(Collected data entries)
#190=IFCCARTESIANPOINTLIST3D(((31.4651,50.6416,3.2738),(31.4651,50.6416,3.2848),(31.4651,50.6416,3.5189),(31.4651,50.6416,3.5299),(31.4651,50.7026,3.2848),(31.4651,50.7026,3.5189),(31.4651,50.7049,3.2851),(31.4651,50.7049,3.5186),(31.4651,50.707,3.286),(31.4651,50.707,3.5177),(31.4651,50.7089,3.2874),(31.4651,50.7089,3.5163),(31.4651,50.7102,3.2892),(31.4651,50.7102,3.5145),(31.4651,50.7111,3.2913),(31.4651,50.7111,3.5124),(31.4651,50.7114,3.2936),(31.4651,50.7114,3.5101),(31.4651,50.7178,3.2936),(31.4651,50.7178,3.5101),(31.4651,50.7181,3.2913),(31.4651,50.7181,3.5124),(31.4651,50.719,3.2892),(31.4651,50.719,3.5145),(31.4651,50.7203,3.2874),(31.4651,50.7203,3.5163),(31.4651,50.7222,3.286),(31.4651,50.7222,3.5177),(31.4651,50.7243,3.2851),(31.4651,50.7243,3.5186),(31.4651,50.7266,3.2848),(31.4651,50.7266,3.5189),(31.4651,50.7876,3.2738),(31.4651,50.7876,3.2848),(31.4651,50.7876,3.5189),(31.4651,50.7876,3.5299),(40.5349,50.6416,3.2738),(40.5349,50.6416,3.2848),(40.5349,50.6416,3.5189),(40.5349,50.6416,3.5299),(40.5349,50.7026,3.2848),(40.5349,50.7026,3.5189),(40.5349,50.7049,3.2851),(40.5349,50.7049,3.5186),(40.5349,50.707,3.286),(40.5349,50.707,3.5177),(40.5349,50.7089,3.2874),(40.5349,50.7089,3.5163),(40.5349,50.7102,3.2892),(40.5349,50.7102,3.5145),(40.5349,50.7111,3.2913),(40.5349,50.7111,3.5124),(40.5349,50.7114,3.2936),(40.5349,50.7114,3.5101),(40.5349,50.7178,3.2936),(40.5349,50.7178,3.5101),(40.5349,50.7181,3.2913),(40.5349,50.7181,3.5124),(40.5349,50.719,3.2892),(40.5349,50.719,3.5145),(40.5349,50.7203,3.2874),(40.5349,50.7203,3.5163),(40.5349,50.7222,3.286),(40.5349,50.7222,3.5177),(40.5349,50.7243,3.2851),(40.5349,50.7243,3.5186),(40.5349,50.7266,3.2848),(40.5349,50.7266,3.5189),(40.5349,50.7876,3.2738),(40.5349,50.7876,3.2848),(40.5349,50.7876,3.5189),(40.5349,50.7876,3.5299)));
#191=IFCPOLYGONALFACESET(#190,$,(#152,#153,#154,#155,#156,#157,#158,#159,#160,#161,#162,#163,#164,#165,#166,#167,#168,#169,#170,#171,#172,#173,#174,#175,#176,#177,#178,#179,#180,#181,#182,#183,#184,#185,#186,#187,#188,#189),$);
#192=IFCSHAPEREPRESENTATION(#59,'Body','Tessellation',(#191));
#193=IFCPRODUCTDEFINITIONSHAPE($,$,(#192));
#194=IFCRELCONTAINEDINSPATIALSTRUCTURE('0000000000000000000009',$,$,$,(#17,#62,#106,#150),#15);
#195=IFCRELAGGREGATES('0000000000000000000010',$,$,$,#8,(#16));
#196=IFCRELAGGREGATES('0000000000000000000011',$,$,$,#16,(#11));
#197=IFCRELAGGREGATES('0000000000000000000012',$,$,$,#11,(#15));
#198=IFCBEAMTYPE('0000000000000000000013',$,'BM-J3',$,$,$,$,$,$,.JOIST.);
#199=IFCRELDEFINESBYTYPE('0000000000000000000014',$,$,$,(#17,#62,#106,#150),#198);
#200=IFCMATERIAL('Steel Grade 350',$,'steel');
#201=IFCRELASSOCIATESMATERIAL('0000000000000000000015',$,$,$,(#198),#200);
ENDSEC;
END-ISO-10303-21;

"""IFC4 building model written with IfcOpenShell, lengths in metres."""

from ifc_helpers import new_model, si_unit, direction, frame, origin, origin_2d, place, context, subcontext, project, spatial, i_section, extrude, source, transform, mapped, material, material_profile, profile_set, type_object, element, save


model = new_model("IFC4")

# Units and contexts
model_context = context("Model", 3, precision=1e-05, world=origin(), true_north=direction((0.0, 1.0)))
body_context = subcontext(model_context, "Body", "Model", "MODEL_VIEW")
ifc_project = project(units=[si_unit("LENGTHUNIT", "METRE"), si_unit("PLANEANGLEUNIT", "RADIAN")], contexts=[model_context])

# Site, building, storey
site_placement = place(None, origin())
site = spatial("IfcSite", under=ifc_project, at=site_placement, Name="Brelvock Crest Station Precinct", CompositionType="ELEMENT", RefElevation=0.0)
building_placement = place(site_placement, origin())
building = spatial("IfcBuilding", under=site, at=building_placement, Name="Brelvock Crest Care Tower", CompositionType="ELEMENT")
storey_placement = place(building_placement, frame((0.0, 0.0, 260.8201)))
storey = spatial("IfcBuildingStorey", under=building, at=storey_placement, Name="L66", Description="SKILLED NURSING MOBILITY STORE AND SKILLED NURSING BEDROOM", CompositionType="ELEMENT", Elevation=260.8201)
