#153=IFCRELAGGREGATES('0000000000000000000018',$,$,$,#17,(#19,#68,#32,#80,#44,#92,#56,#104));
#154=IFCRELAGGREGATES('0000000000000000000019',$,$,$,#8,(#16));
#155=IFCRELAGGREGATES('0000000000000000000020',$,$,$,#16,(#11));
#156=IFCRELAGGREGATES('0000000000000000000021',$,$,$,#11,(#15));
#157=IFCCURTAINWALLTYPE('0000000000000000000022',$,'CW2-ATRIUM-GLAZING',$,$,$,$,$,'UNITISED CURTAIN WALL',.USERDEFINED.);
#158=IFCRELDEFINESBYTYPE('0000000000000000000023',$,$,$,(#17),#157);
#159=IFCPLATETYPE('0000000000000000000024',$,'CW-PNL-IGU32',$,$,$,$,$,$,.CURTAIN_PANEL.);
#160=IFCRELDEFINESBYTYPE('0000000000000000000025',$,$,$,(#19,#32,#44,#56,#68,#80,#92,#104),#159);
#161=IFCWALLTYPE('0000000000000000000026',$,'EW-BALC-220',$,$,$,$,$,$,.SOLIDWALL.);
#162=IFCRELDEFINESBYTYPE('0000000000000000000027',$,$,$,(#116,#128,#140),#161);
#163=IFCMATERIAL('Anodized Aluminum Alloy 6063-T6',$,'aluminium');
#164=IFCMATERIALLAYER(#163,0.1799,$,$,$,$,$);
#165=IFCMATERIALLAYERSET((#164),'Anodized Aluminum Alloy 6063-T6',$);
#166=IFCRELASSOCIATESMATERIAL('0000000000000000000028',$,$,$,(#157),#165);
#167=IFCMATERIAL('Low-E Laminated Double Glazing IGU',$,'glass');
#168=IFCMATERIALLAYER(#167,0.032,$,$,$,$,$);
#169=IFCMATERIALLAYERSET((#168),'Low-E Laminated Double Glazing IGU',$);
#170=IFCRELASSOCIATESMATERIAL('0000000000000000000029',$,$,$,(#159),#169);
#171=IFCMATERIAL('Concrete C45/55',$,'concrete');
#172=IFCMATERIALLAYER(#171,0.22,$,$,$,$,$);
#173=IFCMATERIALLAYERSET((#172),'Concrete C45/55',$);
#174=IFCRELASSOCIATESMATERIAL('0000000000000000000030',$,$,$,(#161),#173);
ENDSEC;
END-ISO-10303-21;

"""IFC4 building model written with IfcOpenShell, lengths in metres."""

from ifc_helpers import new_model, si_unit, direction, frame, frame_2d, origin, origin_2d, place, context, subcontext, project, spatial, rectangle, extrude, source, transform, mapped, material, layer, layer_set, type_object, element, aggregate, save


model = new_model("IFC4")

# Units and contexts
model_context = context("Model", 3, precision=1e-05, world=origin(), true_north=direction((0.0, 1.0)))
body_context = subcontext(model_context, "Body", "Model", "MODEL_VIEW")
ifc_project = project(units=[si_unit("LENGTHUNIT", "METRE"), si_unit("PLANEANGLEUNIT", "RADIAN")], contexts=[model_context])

EXERCISE REQUIREMENTS: Every line above from the line with "#193=IFCPRODUCTDEFINITIONSHAPE($,$,(#192));" to the line with "site_placement = place(None, origin())", both included, must be reproduced exactly, and no other line may appear.

REPLY TO THE TASK:
#193=IFCPRODUCTDEFINITIONSHAPE($,$,(#192));
#194=IFCRELCONTAINEDINSPATIALSTRUCTURE('0000000000000000000009',$,$,$,(#17,#62,#106,#150),#15);
#195=IFCRELAGGREGATES('0000000000000000000010',$,$,$,#8,(#16));
#196=IFCRELAGGREGATES('0000000000000000000011',$,$,$,#16,(#11));
#197=IFCRELAGGREGATES('0000000000000000000012',$,$,$,#11,(#15));
#198=IFCBEAMTYPE('0000000000000000000013',$,'BM-J3',$,$,$,$,$,$,.JOIST.);
#199=IFCRELDEFINESBYTYPE('0000000000000000000014',$,$,$,(#17,#62,#106,#150),#198);
#200=IFCMATERIAL('Steel Grade 350',$,'steel');
#201=IFCRELASSOCIATESMATERIAL('0000000000000000000015',$,$,$,(#198),#200);
ENDSEC;
END-ISO-10303-21;

"""IFC4 building model written with IfcOpenShell, lengths in metres."""

from ifc_helpers import new_model, si_unit, direction, frame, origin, origin_2d, place, context, subcontext, project, spatial, i_section, extrude, source, transform, mapped, material, material_profile, profile_set, type_object, element, save


model = new_model("IFC4")

# Units and contexts
model_context = context("Model", 3, precision=1e-05, world=origin(), true_north=direction((0.0, 1.0)))
body_context = subcontext(model_context, "Body", "Model", "MODEL_VIEW")
ifc_project = project(units=[si_unit("LENGTHUNIT", "METRE"), si_unit("PLANEANGLEUNIT", "RADIAN")], contexts=[model_context])

# Site, building, storey
site_placement = place(None, origin())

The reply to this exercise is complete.